EXERCISE AIM: Looking at the records below, count how many lines contain the string "IFCMEMBERTYPE". Give that number alone.

(Stored data entries)
==============================

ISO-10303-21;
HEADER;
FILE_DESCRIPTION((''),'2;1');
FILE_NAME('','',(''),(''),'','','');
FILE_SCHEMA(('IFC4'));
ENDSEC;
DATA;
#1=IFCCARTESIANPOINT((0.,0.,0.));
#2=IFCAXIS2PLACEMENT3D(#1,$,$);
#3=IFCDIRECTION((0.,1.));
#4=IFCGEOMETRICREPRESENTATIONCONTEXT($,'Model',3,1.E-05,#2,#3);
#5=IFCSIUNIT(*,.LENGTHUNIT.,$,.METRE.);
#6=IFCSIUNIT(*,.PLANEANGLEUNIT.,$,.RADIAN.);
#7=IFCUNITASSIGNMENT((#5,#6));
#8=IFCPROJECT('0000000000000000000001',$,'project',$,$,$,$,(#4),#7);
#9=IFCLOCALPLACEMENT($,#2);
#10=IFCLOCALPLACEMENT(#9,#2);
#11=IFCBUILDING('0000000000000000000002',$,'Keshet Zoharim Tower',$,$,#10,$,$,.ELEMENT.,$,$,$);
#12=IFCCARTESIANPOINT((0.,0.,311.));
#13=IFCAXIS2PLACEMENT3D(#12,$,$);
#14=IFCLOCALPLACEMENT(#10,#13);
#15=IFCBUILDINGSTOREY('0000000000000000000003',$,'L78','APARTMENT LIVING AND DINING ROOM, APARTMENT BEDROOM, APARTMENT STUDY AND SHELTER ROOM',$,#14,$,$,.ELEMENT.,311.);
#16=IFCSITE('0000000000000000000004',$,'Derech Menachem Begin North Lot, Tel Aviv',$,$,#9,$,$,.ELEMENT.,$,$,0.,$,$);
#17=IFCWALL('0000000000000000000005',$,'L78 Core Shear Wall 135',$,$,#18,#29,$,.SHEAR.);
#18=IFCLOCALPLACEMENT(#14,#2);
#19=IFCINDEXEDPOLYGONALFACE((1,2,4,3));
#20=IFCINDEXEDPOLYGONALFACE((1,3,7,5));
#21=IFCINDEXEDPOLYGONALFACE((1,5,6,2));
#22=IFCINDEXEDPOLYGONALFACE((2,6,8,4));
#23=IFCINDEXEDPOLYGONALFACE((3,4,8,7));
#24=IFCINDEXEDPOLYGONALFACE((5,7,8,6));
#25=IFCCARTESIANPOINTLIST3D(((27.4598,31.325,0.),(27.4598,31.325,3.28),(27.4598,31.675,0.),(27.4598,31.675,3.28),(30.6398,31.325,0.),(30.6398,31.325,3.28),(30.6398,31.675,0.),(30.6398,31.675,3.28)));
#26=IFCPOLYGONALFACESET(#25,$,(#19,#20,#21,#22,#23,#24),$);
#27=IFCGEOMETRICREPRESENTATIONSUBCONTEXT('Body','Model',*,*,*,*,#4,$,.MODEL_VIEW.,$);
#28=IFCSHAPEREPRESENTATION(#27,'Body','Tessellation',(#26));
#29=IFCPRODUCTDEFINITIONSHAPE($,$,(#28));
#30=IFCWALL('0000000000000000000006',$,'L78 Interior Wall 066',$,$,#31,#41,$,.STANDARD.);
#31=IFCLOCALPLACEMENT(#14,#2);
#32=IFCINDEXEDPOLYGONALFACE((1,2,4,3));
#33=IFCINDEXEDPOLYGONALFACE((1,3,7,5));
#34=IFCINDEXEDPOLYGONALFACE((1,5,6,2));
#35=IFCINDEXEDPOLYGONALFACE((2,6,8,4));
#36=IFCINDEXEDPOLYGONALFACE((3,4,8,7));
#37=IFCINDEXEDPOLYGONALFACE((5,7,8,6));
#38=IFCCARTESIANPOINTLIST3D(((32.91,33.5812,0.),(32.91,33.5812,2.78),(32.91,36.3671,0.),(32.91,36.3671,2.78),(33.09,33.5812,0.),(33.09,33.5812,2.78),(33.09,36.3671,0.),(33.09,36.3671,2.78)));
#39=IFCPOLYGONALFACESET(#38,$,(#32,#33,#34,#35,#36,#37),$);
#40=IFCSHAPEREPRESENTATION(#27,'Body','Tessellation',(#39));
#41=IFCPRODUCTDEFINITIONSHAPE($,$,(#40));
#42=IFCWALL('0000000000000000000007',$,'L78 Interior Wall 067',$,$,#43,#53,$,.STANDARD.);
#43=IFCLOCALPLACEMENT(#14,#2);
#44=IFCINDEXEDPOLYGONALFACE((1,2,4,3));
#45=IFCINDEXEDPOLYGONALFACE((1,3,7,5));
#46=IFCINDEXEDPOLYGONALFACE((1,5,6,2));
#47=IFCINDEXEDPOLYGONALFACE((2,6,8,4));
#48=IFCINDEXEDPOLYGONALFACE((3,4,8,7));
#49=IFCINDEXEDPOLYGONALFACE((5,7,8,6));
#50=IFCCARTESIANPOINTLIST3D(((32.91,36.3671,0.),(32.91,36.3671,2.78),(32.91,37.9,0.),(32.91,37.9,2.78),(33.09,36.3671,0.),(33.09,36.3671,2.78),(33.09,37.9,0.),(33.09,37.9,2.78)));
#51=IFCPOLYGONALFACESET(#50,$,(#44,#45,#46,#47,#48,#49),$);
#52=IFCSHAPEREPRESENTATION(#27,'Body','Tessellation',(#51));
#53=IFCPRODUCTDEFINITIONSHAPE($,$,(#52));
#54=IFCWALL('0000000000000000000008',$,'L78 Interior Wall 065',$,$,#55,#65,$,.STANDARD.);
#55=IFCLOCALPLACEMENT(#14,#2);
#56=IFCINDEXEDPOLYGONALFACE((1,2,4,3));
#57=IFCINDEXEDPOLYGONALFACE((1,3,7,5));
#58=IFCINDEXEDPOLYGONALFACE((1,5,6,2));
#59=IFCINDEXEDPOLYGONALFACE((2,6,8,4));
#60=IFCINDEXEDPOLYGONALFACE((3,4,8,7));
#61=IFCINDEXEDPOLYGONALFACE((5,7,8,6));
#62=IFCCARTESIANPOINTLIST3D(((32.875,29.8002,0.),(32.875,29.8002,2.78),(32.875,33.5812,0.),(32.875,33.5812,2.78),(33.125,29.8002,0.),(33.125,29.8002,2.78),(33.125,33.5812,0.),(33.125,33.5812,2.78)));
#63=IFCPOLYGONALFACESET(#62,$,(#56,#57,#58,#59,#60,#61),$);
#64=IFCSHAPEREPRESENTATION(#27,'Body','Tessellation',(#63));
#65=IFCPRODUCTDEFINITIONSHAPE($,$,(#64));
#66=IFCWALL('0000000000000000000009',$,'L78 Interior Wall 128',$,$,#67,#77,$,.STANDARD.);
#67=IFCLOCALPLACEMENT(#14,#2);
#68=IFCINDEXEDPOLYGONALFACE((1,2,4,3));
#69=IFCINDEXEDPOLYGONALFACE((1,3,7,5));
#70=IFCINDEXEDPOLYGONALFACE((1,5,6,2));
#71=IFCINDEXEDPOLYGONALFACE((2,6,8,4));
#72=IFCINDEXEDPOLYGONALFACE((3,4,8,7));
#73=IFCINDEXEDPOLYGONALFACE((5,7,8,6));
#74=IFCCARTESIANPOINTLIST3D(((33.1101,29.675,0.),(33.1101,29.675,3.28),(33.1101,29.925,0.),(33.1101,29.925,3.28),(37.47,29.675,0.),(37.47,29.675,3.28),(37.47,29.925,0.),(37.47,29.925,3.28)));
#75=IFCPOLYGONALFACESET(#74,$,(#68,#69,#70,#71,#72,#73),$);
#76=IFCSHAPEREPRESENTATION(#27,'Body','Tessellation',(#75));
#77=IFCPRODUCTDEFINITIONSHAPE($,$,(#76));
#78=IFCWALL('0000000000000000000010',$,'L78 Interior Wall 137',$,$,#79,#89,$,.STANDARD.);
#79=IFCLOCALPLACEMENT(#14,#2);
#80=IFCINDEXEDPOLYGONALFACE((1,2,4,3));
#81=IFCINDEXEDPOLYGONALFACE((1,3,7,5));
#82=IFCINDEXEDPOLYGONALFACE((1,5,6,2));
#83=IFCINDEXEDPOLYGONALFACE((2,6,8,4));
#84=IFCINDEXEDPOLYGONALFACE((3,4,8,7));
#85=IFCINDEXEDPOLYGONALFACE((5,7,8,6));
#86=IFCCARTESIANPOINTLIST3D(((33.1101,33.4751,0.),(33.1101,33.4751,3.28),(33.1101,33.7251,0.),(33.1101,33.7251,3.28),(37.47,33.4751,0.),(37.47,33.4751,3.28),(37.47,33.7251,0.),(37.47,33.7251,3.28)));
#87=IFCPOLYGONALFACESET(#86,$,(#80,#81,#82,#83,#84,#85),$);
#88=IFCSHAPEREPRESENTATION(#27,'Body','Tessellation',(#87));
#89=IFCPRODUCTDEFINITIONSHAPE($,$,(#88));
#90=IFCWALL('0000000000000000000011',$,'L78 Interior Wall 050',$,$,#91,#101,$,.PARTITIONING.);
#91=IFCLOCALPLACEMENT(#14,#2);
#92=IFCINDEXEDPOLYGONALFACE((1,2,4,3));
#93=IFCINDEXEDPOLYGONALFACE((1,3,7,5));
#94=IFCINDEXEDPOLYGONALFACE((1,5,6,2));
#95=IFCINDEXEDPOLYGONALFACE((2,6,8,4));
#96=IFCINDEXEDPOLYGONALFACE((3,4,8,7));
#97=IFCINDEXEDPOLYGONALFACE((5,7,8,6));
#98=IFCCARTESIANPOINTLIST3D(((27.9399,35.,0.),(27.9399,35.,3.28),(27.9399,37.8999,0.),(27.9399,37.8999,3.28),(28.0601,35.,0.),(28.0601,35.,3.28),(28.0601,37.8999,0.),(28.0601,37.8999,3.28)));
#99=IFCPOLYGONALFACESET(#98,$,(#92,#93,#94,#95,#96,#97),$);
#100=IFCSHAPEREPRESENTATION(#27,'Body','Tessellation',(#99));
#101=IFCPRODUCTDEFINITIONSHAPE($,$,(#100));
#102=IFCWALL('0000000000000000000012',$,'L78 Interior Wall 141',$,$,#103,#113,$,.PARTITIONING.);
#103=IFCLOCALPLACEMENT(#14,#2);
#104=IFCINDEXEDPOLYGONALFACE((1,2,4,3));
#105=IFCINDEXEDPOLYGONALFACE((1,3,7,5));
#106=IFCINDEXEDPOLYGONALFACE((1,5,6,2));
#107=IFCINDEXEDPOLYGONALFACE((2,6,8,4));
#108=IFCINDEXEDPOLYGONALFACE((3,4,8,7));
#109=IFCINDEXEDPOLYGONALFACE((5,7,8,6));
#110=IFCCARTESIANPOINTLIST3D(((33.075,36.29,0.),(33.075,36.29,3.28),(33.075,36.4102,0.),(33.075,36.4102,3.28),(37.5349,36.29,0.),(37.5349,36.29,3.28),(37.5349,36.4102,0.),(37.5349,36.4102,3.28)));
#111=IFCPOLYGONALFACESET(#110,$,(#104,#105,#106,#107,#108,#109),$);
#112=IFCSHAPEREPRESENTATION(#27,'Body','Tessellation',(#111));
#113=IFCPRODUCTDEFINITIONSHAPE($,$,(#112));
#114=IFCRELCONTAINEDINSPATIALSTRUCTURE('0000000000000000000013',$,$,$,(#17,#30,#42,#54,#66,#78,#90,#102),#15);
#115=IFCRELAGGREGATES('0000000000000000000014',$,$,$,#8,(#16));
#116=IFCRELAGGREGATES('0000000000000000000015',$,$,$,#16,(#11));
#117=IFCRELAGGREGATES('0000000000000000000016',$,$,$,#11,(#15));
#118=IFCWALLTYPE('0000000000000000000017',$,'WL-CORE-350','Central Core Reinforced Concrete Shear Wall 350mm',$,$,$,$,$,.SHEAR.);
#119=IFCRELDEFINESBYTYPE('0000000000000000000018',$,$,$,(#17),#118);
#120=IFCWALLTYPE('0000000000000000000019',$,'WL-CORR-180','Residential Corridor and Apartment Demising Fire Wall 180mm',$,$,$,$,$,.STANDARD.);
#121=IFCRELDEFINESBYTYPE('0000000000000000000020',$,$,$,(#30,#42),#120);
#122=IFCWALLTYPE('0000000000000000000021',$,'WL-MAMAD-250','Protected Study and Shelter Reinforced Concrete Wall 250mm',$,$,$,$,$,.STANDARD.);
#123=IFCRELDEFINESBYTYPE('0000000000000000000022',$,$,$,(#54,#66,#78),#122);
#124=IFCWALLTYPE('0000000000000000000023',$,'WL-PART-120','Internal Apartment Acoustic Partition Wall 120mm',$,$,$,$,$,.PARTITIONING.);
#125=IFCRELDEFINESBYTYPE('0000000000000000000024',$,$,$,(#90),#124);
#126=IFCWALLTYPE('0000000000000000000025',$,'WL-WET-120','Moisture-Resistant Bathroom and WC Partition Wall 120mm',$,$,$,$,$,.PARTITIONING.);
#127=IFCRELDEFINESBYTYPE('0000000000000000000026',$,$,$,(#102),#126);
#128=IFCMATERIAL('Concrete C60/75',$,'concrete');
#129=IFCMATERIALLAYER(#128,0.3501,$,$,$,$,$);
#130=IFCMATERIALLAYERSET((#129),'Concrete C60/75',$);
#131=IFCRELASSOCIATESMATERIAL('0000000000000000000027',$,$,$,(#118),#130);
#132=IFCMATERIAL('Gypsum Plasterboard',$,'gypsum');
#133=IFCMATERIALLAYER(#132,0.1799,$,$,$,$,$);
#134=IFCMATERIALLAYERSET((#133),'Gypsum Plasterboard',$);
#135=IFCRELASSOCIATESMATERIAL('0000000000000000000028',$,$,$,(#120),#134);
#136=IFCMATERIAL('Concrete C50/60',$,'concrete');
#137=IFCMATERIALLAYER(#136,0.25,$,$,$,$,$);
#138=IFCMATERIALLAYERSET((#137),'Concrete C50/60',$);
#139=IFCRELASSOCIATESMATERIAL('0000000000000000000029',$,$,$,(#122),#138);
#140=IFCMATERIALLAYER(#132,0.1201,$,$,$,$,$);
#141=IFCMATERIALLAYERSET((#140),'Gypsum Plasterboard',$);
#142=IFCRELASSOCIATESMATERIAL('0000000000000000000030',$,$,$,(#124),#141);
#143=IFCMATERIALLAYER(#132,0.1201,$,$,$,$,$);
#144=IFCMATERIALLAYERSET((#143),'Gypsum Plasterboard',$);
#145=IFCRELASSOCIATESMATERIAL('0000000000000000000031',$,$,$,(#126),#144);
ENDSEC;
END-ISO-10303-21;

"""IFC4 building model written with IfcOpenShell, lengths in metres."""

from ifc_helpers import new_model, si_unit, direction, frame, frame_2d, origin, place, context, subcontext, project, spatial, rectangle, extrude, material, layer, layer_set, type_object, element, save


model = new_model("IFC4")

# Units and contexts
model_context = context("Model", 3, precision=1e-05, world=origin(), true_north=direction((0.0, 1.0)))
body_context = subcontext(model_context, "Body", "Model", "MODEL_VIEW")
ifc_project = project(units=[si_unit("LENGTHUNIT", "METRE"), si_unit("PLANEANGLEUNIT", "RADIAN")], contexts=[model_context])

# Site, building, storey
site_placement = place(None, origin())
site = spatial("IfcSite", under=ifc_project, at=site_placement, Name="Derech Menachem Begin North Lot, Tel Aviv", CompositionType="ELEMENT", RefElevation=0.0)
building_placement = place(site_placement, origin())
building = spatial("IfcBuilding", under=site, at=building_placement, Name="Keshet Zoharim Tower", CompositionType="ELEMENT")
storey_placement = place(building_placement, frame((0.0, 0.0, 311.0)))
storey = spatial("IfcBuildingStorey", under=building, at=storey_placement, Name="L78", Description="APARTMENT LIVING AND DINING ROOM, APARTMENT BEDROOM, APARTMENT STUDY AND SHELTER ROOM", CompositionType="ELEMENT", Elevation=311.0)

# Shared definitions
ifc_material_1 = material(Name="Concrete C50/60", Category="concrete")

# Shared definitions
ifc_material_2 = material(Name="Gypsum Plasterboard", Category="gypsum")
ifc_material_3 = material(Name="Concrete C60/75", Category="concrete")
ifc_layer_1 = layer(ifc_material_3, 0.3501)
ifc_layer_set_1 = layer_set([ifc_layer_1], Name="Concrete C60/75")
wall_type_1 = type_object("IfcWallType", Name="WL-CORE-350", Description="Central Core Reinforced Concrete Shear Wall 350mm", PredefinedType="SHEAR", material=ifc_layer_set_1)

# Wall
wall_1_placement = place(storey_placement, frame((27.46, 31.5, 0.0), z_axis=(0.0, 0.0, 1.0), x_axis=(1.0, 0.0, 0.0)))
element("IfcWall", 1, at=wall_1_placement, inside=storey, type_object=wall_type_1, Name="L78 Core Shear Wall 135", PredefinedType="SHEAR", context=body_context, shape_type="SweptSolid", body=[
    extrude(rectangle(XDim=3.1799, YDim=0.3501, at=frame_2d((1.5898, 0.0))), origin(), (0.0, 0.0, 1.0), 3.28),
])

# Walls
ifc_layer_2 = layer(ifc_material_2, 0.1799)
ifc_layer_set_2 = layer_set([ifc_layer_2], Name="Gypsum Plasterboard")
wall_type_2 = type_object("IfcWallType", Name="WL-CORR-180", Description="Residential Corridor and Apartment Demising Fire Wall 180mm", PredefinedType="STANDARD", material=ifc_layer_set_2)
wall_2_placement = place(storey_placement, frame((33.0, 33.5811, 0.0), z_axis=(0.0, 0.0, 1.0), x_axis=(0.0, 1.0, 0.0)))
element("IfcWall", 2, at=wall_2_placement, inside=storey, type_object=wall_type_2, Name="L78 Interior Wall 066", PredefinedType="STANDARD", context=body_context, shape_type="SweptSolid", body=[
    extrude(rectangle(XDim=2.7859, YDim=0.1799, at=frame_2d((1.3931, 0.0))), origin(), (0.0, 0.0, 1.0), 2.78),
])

==============================

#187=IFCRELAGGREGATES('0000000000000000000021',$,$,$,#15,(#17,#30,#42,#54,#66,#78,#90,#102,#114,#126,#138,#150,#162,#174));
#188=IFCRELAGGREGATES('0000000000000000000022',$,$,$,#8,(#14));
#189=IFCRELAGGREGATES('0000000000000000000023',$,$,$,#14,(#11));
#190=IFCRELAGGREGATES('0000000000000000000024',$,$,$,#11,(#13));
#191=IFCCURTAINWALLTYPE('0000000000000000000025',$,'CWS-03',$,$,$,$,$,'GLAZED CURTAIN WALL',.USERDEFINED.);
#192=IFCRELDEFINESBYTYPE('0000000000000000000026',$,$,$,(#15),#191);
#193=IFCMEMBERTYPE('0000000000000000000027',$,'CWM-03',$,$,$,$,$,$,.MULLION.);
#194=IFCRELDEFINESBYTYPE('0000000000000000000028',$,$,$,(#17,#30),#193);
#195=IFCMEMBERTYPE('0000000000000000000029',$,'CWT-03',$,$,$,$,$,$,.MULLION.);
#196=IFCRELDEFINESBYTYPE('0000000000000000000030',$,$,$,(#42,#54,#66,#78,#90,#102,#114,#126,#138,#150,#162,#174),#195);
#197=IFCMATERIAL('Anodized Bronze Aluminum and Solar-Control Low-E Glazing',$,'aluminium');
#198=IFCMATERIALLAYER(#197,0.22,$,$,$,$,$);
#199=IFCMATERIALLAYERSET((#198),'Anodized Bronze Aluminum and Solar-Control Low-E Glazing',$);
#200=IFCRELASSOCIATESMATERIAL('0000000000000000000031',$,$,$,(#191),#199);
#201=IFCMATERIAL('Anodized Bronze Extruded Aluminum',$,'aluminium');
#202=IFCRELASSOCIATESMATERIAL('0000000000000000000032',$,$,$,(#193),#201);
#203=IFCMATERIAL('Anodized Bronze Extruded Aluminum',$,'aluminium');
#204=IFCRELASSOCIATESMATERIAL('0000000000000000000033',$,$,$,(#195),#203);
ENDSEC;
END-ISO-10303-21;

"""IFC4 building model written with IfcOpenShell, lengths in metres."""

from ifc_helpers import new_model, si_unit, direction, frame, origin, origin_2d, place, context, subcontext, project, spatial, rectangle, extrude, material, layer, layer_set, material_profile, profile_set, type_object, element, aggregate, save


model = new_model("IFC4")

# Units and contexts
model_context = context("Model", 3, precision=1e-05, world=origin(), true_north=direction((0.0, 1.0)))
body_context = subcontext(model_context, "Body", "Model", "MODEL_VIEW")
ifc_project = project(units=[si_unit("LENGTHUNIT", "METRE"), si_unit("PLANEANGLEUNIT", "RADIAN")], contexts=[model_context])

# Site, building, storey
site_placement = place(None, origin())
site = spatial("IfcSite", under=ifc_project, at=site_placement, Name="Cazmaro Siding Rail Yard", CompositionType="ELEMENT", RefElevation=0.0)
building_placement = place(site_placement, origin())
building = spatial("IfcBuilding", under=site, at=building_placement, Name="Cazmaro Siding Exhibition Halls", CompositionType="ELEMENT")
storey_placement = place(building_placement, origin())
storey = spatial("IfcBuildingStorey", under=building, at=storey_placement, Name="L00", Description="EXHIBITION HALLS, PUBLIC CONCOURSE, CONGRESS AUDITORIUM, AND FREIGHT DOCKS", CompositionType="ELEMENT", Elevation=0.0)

==============================

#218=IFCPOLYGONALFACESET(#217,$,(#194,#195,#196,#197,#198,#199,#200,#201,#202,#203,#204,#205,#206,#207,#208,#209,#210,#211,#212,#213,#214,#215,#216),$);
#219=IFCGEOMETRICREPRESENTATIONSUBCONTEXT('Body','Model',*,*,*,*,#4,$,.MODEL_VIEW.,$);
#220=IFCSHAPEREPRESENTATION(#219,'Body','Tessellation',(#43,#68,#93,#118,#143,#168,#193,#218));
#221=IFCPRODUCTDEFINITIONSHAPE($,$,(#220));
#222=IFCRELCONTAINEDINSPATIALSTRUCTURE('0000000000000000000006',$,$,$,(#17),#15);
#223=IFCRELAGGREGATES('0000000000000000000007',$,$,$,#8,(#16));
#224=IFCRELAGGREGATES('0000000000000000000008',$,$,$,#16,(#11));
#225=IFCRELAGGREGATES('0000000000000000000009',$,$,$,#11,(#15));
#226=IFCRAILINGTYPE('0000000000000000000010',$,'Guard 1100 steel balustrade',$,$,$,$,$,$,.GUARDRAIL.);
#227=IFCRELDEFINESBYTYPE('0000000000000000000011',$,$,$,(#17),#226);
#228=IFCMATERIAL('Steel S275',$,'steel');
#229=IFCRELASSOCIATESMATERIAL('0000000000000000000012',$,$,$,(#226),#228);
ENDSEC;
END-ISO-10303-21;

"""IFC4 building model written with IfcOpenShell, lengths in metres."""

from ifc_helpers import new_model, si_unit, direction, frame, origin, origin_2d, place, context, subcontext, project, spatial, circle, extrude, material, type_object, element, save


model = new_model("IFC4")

==============================

RESPONSE: 2